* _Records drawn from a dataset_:
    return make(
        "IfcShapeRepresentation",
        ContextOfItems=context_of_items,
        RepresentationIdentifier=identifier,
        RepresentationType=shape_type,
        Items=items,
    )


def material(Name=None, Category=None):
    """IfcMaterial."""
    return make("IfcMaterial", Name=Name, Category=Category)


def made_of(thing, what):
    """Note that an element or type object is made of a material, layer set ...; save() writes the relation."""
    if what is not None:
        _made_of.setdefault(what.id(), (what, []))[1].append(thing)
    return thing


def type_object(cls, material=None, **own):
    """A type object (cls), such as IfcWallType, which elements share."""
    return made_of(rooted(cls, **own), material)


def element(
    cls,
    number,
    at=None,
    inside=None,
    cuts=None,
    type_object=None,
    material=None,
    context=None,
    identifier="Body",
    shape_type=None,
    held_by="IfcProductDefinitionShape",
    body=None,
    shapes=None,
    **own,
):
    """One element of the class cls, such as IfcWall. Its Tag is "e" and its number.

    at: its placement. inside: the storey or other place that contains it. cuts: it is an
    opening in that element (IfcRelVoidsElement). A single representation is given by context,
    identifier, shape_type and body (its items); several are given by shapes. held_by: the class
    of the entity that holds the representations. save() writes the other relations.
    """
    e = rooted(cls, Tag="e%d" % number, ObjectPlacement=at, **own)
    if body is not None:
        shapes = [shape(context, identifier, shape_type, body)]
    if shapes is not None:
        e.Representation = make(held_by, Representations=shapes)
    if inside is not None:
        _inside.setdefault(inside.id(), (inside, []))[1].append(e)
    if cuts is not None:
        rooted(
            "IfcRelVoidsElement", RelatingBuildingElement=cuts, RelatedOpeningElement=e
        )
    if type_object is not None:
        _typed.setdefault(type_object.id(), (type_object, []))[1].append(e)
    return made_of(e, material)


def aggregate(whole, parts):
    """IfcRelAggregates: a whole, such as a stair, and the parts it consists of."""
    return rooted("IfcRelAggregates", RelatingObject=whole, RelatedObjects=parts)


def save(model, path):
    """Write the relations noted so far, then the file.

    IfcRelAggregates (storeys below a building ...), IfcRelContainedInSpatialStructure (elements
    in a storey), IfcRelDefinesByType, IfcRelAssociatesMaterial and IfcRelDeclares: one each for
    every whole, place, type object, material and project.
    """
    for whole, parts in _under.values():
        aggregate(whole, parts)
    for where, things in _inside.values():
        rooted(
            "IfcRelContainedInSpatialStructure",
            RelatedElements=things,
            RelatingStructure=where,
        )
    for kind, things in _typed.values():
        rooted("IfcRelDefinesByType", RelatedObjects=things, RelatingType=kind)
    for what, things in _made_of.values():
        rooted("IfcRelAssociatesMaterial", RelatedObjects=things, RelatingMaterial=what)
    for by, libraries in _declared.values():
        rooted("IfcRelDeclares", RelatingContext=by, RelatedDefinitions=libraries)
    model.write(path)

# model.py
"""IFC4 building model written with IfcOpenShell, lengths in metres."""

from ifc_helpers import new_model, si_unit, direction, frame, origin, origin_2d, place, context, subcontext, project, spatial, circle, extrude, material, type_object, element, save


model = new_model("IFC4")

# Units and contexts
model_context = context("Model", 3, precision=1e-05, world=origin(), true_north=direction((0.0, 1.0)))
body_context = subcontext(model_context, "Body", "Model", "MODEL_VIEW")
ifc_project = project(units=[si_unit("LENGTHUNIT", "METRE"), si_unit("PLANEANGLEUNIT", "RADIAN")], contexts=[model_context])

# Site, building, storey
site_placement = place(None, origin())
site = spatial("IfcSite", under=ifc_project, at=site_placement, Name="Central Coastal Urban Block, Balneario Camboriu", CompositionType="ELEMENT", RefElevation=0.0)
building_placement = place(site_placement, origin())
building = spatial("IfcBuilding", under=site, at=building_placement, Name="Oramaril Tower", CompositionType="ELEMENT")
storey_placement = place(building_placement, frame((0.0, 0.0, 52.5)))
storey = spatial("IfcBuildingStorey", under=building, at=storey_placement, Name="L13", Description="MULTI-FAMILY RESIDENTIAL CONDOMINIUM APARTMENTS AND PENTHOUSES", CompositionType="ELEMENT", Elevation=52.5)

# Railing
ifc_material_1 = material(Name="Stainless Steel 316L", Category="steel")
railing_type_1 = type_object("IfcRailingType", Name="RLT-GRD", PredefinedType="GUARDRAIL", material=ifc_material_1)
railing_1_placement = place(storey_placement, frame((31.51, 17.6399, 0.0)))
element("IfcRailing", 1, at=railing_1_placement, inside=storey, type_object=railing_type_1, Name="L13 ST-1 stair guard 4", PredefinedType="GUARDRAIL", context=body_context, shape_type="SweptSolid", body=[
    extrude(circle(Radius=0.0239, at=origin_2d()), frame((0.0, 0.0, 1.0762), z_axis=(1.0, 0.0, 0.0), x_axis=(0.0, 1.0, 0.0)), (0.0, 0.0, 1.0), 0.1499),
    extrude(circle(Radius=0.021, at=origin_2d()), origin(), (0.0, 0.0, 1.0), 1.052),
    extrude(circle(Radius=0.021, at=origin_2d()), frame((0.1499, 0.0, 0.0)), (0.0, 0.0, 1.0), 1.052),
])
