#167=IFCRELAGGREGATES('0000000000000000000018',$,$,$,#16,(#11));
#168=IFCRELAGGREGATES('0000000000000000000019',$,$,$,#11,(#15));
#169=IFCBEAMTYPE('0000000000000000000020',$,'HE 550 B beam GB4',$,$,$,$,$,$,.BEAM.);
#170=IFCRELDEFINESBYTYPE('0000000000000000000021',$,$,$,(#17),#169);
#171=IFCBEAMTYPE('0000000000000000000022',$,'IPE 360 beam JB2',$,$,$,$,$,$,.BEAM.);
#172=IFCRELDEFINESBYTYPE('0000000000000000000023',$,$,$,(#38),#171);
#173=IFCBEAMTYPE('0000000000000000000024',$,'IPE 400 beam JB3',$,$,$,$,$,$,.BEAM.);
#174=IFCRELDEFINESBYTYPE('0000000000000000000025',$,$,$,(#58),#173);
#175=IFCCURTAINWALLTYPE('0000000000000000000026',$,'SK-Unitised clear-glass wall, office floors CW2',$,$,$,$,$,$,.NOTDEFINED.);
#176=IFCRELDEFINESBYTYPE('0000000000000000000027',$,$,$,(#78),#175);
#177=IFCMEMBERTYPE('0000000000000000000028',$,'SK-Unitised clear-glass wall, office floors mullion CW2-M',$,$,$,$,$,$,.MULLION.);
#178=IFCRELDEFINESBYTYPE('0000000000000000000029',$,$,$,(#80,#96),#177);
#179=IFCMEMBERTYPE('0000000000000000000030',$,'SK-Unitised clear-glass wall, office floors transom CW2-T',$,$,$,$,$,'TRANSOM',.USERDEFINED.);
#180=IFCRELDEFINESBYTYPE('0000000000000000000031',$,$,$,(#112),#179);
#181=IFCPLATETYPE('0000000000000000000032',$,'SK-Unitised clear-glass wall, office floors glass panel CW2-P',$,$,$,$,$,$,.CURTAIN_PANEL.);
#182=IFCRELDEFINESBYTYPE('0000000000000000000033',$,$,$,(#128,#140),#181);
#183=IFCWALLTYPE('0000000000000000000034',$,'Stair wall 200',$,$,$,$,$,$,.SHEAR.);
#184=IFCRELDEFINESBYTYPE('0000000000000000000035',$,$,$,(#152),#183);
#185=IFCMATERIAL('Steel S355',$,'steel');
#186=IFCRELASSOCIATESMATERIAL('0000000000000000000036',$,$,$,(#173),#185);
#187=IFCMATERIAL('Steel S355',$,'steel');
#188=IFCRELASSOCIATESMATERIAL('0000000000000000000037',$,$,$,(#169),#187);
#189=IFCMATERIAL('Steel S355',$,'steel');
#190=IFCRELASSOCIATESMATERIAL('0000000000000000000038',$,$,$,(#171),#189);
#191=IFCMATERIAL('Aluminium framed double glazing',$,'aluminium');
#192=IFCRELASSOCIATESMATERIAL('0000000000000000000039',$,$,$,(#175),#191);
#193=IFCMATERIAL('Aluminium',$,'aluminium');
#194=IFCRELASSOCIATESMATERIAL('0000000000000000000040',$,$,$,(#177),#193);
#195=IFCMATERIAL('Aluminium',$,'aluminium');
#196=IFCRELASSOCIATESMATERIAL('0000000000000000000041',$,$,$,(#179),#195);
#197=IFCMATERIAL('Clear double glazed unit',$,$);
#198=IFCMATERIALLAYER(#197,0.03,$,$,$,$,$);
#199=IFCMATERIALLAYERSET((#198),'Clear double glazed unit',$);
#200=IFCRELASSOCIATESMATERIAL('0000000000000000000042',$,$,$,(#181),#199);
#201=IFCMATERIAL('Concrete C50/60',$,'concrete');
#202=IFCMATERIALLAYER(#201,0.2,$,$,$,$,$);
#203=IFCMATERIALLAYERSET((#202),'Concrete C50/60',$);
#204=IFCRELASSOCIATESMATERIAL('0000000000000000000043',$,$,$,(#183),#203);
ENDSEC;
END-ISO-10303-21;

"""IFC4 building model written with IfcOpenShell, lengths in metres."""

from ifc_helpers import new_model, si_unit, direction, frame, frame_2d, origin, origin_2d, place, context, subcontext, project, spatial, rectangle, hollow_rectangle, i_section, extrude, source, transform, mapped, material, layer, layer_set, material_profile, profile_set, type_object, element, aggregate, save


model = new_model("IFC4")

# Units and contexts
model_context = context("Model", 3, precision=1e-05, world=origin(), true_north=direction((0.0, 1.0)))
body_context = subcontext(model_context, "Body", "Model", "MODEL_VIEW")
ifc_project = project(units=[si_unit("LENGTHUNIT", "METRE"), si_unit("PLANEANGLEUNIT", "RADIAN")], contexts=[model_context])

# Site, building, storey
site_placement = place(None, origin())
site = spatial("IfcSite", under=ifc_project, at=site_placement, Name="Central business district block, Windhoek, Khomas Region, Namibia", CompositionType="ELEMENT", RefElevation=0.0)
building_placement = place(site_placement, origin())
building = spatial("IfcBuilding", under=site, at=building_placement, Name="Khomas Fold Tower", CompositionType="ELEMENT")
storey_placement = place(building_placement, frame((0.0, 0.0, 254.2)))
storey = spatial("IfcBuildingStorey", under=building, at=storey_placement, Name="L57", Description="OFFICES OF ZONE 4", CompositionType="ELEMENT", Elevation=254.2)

* _Prompt_:
A single figure is required: the number of lines above in which the word "Aluminium" occurs.

* _Finished task_:
3